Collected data

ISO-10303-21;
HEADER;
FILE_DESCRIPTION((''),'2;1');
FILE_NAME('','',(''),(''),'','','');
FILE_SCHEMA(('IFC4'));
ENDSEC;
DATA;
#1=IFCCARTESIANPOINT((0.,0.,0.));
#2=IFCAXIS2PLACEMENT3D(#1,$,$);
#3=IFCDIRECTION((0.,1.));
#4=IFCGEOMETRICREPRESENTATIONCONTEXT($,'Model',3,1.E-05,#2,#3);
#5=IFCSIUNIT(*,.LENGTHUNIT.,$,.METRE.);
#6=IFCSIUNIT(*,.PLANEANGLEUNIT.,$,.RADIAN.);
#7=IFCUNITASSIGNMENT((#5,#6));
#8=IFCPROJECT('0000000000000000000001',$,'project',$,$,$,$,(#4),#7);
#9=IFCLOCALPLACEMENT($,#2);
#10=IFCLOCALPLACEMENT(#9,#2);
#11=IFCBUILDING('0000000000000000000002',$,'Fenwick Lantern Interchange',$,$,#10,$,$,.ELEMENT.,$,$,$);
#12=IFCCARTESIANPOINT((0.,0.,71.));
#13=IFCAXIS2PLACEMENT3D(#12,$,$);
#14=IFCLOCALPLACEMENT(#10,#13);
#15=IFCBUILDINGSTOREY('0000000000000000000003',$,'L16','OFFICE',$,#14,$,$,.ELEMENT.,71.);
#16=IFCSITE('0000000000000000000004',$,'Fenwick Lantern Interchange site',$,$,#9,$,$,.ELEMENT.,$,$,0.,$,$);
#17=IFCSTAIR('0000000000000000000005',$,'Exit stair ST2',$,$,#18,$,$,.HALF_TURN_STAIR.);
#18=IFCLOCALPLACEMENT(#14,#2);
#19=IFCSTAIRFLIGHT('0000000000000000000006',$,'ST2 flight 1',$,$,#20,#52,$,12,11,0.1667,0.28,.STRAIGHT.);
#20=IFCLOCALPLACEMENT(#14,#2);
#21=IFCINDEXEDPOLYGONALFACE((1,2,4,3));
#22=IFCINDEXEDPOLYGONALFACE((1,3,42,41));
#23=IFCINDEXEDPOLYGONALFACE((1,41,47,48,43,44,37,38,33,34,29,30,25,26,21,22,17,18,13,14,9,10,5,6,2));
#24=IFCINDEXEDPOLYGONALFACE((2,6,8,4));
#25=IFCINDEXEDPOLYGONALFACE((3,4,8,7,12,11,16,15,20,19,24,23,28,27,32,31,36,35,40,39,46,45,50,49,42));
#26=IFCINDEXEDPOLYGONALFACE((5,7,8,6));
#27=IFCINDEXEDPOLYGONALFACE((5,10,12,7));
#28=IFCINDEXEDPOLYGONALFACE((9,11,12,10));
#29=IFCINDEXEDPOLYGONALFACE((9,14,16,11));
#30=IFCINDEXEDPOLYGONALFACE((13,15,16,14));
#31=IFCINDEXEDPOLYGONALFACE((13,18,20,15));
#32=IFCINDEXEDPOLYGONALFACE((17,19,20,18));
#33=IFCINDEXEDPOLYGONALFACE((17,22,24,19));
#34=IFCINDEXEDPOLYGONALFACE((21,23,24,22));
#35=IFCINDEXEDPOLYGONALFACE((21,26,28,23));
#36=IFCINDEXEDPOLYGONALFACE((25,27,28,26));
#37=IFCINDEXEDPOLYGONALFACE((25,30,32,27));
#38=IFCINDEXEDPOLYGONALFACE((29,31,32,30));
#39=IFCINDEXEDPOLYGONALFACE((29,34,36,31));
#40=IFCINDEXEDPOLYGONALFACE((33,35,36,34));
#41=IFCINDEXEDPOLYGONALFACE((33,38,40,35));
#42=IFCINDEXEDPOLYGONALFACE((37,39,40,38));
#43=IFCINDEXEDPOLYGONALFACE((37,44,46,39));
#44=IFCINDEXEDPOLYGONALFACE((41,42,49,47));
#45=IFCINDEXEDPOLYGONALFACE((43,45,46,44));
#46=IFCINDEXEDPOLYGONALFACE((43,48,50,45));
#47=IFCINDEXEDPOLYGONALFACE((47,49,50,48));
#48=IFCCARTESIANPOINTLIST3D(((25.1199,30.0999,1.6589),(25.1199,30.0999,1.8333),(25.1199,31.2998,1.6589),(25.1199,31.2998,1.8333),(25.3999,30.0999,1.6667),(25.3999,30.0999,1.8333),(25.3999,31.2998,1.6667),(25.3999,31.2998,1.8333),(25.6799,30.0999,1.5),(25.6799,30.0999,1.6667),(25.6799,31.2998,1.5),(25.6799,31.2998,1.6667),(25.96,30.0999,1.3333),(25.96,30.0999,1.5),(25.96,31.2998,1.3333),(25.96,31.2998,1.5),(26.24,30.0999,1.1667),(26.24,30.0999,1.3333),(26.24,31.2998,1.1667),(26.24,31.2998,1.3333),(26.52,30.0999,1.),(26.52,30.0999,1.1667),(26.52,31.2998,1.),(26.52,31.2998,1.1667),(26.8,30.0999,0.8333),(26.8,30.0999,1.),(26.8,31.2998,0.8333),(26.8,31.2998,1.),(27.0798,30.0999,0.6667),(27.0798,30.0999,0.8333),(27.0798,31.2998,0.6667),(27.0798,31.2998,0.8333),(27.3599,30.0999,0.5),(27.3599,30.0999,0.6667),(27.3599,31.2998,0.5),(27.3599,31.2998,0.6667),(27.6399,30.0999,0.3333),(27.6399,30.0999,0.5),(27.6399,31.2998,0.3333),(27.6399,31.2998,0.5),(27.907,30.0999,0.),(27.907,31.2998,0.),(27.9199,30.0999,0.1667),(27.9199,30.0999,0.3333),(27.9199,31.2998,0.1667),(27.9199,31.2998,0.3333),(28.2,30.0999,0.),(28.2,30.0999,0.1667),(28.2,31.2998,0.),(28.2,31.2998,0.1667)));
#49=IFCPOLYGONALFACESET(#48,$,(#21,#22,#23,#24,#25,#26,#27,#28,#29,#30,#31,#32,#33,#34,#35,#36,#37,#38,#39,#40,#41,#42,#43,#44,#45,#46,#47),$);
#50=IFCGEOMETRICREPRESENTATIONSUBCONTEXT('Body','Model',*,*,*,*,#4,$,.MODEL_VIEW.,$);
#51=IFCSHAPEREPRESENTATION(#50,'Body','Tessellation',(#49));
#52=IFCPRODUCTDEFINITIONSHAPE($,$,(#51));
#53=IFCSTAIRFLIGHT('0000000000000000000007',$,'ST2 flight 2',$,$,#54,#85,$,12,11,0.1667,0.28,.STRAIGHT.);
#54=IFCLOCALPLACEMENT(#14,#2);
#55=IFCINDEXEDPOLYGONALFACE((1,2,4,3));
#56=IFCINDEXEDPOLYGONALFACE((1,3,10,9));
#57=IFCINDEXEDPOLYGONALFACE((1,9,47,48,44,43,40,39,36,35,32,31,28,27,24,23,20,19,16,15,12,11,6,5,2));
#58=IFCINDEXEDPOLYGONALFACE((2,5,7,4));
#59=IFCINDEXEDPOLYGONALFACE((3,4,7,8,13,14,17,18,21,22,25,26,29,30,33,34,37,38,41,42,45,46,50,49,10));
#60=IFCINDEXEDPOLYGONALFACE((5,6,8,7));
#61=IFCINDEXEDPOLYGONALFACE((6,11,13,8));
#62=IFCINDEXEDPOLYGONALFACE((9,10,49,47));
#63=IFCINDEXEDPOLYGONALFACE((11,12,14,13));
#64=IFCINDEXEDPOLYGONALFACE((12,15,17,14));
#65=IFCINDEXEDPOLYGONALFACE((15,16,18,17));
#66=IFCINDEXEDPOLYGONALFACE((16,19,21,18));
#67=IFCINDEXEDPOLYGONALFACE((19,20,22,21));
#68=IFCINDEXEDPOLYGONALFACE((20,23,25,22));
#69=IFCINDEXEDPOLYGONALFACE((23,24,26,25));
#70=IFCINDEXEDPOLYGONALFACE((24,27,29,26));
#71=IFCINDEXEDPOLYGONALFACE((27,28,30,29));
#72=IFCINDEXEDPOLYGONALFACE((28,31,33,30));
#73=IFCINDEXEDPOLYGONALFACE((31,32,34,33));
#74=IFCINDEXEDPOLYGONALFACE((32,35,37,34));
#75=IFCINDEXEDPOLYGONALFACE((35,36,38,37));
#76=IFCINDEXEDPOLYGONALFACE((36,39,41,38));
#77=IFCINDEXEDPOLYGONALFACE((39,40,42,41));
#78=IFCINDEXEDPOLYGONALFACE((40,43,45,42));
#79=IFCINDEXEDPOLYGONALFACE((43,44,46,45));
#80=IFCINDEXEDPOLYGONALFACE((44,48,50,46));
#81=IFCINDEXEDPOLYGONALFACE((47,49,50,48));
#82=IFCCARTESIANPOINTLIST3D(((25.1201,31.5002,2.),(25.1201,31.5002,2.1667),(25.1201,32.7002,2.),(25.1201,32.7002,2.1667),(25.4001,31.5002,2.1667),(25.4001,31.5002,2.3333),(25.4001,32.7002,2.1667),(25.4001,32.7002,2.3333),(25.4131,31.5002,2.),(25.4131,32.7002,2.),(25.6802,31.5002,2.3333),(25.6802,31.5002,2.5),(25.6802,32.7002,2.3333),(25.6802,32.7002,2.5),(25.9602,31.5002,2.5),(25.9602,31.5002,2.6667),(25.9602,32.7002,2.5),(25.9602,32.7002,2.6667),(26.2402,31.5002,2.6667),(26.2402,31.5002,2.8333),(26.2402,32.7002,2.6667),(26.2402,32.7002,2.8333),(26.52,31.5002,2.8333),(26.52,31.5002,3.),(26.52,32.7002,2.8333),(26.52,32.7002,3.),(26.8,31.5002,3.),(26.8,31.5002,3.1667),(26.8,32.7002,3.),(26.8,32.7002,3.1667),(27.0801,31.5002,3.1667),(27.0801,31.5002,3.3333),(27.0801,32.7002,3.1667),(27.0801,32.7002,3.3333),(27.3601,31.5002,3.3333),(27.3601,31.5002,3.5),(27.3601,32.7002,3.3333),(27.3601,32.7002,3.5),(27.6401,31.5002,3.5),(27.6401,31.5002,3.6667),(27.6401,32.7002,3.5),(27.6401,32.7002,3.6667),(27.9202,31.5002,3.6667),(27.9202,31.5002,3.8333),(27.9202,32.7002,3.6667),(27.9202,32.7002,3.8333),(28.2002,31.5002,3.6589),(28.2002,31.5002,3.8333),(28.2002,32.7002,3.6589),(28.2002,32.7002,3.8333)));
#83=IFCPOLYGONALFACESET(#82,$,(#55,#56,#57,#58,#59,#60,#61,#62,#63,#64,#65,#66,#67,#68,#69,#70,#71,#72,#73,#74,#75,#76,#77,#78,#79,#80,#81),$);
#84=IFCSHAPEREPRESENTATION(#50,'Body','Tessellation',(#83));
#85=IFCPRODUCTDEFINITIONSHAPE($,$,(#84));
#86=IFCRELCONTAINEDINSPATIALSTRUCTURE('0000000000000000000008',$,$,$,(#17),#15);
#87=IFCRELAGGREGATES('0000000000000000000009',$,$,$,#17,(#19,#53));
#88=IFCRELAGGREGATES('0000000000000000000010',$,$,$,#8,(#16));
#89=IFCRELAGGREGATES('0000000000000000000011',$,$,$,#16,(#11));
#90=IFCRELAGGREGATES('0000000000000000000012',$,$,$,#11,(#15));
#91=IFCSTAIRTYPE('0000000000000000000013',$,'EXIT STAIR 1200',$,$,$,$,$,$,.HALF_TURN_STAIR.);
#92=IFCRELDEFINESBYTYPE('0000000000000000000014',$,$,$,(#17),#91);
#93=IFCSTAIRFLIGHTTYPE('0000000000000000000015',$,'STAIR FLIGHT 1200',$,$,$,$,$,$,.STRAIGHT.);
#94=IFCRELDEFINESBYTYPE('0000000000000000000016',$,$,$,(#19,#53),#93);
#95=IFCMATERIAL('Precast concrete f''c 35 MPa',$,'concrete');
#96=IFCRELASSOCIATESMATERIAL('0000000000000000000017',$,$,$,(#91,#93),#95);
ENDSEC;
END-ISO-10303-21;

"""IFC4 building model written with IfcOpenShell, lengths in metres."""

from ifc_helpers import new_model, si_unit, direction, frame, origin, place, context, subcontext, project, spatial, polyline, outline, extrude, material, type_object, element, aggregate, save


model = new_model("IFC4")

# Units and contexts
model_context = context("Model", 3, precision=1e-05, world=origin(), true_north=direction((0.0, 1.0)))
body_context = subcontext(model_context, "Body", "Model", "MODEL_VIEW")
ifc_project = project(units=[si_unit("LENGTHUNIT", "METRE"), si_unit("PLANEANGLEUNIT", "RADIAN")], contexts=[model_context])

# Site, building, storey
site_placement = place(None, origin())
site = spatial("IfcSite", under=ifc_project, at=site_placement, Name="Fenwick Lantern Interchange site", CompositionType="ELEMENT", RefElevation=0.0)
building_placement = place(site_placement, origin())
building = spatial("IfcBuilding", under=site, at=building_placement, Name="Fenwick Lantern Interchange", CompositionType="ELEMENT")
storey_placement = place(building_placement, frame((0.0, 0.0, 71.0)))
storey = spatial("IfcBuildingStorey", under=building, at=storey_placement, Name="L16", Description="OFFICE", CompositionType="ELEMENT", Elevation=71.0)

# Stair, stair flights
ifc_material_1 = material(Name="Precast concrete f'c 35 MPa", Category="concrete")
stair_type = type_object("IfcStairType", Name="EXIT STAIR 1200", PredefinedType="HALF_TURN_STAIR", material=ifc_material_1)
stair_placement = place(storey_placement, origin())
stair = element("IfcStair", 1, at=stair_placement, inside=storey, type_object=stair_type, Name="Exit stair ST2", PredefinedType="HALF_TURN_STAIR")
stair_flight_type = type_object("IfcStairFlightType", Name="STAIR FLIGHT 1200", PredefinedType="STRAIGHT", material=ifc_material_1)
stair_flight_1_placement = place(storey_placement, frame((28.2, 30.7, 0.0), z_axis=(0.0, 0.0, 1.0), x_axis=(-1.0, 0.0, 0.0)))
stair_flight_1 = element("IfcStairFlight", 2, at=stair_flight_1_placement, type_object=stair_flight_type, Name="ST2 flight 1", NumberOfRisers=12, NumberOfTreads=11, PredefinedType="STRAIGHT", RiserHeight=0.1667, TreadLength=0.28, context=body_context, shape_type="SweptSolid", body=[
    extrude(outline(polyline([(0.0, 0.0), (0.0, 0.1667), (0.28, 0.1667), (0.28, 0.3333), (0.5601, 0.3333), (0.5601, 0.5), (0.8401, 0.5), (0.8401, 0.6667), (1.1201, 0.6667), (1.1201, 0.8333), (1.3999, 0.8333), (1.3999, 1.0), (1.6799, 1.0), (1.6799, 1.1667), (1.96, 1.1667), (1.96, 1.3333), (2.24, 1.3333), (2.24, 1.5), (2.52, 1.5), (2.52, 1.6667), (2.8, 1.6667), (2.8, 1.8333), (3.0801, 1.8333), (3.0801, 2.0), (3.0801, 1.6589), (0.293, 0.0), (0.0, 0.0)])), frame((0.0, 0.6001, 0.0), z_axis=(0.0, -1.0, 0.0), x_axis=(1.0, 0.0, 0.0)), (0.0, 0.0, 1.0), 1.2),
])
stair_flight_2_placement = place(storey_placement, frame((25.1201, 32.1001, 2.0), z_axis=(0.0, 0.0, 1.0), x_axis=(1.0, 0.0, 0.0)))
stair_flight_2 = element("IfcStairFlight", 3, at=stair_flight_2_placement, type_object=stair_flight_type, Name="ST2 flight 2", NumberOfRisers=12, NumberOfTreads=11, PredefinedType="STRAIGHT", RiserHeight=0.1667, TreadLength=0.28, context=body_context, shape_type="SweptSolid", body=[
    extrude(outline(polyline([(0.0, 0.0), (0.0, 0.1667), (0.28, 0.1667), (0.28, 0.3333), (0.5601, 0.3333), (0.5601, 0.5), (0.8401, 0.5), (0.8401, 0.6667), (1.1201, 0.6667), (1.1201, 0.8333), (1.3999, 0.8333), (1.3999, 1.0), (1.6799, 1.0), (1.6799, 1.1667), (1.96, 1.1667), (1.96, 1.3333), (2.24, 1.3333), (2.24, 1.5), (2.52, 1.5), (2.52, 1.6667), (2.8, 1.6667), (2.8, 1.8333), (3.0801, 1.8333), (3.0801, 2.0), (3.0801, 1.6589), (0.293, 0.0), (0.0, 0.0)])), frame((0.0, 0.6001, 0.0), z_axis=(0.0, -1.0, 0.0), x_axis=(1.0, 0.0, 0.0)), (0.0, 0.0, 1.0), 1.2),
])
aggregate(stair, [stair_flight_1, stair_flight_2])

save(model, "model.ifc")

...

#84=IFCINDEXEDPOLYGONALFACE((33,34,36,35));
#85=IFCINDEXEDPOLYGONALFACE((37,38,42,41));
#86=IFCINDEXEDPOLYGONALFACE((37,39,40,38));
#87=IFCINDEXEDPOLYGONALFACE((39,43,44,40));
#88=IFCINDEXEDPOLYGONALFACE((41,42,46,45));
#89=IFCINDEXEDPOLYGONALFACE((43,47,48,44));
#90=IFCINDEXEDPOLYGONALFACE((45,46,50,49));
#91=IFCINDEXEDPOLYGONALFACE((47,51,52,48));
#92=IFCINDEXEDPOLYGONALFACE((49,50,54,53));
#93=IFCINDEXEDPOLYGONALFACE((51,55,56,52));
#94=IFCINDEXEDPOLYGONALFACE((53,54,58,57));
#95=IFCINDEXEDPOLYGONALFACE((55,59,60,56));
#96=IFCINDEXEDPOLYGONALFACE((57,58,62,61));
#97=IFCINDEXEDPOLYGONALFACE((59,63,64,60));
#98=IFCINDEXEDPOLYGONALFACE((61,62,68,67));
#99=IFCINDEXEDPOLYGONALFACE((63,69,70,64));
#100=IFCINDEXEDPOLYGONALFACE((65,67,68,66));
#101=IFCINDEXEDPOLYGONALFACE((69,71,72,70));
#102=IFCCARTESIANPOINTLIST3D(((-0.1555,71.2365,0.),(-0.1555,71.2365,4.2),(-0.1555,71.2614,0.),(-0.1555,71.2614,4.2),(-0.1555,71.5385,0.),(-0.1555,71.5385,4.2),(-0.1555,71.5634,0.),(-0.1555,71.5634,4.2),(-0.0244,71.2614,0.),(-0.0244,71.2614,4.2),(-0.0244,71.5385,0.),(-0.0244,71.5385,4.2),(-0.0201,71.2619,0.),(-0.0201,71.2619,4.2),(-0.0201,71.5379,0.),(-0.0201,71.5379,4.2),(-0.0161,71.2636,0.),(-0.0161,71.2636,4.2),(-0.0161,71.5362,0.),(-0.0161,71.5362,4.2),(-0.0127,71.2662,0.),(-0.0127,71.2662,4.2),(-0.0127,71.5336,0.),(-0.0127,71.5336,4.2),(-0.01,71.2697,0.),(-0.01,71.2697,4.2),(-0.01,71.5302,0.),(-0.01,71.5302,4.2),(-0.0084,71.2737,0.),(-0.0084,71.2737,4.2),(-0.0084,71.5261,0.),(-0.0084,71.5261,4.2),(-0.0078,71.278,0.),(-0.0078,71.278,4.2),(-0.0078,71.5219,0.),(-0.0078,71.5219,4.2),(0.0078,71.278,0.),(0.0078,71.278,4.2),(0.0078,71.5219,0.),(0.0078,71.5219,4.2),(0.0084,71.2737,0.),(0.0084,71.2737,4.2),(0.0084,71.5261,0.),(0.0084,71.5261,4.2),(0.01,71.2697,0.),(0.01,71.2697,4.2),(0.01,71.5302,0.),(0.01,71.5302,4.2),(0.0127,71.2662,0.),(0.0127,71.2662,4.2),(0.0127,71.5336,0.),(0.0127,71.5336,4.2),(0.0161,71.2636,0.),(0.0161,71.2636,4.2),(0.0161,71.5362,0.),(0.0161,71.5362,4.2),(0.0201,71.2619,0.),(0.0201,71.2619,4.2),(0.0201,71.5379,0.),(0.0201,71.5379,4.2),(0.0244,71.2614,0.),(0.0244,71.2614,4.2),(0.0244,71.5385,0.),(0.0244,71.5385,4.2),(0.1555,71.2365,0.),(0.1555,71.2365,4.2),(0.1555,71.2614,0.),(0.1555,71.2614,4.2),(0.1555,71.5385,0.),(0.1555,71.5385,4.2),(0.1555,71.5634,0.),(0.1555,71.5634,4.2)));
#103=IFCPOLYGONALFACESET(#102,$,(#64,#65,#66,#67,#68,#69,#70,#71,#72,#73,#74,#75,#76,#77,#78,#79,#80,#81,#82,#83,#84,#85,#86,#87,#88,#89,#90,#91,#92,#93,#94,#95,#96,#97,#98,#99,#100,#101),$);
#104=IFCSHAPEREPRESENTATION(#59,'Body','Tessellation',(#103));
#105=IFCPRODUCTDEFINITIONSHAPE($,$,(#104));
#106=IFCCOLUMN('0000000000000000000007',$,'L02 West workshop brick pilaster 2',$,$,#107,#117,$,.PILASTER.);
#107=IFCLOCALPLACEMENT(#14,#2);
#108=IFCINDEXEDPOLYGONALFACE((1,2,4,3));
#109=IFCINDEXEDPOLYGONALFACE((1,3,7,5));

> [Activity] Wherever a line in the records contains the word "Tessellation", copy that line.

> [Final answer]
#51=IFCSHAPEREPRESENTATION(#50,'Body','Tessellation',(#49));
#84=IFCSHAPEREPRESENTATION(#50,'Body','Tessellation',(#83));
#104=IFCSHAPEREPRESENTATION(#59,'Body','Tessellation',(#103));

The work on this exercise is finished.